(SOURCE MATERIAL Opens)

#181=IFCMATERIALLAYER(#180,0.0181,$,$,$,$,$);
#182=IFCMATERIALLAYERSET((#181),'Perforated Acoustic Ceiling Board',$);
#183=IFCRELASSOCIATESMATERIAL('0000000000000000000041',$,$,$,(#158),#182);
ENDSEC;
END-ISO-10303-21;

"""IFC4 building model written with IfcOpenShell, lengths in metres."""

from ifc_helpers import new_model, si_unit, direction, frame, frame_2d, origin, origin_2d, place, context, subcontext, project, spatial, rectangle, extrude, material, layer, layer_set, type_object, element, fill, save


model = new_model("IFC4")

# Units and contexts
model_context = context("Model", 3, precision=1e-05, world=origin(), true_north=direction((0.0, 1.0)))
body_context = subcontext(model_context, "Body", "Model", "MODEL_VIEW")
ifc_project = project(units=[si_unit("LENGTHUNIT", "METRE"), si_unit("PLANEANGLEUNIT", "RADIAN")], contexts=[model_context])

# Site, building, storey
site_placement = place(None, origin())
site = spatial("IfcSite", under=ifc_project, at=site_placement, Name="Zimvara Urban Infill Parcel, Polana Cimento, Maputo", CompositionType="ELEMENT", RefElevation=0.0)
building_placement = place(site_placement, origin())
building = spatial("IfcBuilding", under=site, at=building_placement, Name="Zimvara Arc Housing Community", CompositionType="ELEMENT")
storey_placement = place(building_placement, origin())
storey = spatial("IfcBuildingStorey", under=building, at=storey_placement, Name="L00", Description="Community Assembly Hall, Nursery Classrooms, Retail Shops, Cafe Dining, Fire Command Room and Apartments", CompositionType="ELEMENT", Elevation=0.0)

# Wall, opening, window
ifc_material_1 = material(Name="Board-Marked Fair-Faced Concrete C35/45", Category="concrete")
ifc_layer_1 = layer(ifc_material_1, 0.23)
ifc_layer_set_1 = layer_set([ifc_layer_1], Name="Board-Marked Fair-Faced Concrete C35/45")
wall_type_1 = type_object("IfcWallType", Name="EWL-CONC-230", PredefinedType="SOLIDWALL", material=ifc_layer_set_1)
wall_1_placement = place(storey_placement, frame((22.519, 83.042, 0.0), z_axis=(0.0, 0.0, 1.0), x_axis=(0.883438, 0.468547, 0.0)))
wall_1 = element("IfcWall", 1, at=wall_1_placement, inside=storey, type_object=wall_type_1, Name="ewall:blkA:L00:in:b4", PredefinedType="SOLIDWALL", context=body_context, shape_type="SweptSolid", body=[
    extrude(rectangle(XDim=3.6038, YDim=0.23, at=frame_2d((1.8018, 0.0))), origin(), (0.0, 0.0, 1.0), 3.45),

(SOURCE MATERIAL Closes)

* [WHAT TO PRODUCE]: Each line of the entries that contains the word "Fair" should be listed.

* [RESPONSE]:
ifc_material_1 = material(Name="Board-Marked Fair-Faced Concrete C35/45", Category="concrete")
ifc_layer_set_1 = layer_set([ifc_layer_1], Name="Board-Marked Fair-Faced Concrete C35/45")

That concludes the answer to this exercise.